• [BRIEF] Beginning with the first line and ending with the one containing "#125=IFCINDEXEDPOLYGONALFACE((7,8,12,11));", copy the lines of the listing below exactly; omit everything else.

• [MATERIAL FOR THIS EXERCISE]
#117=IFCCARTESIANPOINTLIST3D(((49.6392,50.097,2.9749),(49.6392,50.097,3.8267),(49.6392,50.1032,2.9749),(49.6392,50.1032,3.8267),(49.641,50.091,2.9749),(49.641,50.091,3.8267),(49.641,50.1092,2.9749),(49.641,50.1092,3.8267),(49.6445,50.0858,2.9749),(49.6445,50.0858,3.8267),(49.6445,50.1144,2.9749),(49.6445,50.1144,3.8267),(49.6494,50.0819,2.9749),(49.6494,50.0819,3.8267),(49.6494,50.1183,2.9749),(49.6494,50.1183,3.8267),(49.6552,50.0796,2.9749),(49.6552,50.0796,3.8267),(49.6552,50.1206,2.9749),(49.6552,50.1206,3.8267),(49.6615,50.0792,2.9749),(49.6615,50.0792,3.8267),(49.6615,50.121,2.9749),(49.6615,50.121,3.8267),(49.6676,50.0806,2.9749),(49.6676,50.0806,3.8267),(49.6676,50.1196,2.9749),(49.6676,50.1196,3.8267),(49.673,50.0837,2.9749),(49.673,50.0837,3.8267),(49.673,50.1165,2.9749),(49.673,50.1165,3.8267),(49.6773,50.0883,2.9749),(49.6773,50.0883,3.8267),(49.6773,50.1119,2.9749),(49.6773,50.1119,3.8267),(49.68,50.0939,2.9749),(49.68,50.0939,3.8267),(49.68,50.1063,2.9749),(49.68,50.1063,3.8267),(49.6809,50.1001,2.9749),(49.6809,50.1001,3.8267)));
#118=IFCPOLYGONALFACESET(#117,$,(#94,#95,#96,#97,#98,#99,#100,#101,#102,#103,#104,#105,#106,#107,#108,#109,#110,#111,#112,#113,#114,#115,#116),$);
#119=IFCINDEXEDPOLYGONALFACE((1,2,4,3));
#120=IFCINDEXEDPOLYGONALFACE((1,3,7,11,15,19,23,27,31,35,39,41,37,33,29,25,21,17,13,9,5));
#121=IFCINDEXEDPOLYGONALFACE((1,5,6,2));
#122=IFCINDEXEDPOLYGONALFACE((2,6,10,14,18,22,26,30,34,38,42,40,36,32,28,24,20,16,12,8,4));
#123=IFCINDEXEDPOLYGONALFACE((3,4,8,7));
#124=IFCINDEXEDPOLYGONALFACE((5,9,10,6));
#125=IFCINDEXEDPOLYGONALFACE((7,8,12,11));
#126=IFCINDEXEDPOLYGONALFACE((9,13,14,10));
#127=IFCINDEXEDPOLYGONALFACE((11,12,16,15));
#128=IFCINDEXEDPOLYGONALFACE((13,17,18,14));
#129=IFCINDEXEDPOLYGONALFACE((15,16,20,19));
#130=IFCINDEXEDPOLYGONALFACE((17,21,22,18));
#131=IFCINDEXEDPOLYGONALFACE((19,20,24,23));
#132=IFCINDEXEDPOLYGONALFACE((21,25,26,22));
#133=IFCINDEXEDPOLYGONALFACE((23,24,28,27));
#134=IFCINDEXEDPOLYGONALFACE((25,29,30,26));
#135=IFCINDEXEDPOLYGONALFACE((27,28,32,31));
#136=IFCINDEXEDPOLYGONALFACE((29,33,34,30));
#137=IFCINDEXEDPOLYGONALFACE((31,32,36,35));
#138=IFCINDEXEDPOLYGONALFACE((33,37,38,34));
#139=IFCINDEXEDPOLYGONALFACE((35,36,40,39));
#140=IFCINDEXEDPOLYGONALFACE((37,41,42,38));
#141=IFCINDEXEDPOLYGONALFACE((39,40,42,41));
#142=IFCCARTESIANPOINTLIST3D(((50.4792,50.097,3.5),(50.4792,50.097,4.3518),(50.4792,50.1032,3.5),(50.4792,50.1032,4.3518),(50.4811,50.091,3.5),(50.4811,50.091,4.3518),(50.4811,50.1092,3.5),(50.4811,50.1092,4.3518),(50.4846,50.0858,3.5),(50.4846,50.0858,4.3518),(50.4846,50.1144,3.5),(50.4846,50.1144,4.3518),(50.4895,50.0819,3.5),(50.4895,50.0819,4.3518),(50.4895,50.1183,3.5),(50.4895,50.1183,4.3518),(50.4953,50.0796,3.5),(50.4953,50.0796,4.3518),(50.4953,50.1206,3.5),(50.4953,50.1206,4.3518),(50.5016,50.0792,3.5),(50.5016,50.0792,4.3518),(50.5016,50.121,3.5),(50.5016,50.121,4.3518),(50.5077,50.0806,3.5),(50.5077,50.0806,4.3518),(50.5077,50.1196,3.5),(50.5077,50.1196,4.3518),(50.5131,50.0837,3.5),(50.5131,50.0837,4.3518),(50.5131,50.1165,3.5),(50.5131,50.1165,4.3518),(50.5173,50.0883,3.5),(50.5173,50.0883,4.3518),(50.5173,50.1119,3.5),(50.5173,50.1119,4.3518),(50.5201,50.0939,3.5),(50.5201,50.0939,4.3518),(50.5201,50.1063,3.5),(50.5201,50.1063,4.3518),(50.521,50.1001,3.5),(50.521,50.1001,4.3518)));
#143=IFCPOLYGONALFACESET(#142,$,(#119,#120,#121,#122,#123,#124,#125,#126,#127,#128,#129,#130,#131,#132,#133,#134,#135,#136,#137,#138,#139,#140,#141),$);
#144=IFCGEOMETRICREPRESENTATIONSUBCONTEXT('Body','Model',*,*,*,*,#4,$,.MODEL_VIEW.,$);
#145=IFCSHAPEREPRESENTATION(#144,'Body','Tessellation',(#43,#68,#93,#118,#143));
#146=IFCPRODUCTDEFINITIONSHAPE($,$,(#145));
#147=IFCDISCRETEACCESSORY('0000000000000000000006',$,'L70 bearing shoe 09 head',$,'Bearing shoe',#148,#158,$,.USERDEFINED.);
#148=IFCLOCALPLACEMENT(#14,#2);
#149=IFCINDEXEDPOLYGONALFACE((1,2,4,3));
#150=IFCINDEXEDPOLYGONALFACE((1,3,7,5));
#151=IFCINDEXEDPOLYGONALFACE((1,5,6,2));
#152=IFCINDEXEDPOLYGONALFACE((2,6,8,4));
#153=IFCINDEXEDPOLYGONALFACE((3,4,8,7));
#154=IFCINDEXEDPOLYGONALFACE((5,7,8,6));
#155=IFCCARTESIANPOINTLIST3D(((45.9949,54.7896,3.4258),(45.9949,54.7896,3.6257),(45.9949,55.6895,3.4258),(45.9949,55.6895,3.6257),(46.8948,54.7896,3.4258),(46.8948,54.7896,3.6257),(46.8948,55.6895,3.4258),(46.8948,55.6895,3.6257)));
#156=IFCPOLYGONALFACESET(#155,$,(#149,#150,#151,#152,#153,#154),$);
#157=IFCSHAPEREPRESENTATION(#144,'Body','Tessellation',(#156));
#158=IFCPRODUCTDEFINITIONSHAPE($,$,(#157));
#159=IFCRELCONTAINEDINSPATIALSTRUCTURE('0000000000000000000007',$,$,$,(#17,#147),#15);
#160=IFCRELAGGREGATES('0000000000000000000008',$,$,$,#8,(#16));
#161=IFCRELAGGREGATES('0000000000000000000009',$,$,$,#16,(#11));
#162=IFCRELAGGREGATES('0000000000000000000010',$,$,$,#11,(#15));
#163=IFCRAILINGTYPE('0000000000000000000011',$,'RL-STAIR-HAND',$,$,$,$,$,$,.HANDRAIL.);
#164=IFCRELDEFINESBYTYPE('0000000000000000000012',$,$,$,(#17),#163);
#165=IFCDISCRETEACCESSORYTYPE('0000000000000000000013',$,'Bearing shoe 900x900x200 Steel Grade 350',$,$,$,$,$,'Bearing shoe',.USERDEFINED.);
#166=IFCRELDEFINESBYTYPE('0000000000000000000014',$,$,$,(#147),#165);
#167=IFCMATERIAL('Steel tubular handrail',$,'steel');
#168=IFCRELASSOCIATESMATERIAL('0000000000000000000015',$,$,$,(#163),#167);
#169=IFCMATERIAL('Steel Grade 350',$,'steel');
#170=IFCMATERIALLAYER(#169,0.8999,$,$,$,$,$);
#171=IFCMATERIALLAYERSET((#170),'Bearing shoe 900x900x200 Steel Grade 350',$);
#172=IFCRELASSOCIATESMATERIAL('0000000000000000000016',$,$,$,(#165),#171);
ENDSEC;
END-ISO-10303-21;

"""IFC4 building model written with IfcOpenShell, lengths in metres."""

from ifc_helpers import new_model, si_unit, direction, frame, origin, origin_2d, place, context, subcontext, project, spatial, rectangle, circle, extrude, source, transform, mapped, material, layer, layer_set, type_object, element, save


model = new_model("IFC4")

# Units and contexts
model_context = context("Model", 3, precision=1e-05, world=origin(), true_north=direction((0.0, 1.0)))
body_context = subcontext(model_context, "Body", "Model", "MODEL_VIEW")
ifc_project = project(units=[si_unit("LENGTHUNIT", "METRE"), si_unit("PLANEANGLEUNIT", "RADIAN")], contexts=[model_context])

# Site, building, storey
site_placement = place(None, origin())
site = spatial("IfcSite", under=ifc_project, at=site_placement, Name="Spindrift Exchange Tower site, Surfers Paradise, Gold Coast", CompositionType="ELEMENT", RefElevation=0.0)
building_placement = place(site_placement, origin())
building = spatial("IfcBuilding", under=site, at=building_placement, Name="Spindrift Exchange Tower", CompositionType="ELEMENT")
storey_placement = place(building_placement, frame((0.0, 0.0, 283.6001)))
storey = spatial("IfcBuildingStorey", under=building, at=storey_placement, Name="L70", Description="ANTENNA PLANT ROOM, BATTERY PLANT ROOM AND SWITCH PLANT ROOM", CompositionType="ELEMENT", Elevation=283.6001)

• [WRITTEN RESPONSE]
#117=IFCCARTESIANPOINTLIST3D(((49.6392,50.097,2.9749),(49.6392,50.097,3.8267),(49.6392,50.1032,2.9749),(49.6392,50.1032,3.8267),(49.641,50.091,2.9749),(49.641,50.091,3.8267),(49.641,50.1092,2.9749),(49.641,50.1092,3.8267),(49.6445,50.0858,2.9749),(49.6445,50.0858,3.8267),(49.6445,50.1144,2.9749),(49.6445,50.1144,3.8267),(49.6494,50.0819,2.9749),(49.6494,50.0819,3.8267),(49.6494,50.1183,2.9749),(49.6494,50.1183,3.8267),(49.6552,50.0796,2.9749),(49.6552,50.0796,3.8267),(49.6552,50.1206,2.9749),(49.6552,50.1206,3.8267),(49.6615,50.0792,2.9749),(49.6615,50.0792,3.8267),(49.6615,50.121,2.9749),(49.6615,50.121,3.8267),(49.6676,50.0806,2.9749),(49.6676,50.0806,3.8267),(49.6676,50.1196,2.9749),(49.6676,50.1196,3.8267),(49.673,50.0837,2.9749),(49.673,50.0837,3.8267),(49.673,50.1165,2.9749),(49.673,50.1165,3.8267),(49.6773,50.0883,2.9749),(49.6773,50.0883,3.8267),(49.6773,50.1119,2.9749),(49.6773,50.1119,3.8267),(49.68,50.0939,2.9749),(49.68,50.0939,3.8267),(49.68,50.1063,2.9749),(49.68,50.1063,3.8267),(49.6809,50.1001,2.9749),(49.6809,50.1001,3.8267)));
#118=IFCPOLYGONALFACESET(#117,$,(#94,#95,#96,#97,#98,#99,#100,#101,#102,#103,#104,#105,#106,#107,#108,#109,#110,#111,#112,#113,#114,#115,#116),$);
#119=IFCINDEXEDPOLYGONALFACE((1,2,4,3));
#120=IFCINDEXEDPOLYGONALFACE((1,3,7,11,15,19,23,27,31,35,39,41,37,33,29,25,21,17,13,9,5));
#121=IFCINDEXEDPOLYGONALFACE((1,5,6,2));
#122=IFCINDEXEDPOLYGONALFACE((2,6,10,14,18,22,26,30,34,38,42,40,36,32,28,24,20,16,12,8,4));
#123=IFCINDEXEDPOLYGONALFACE((3,4,8,7));
#124=IFCINDEXEDPOLYGONALFACE((5,9,10,6));
#125=IFCINDEXEDPOLYGONALFACE((7,8,12,11));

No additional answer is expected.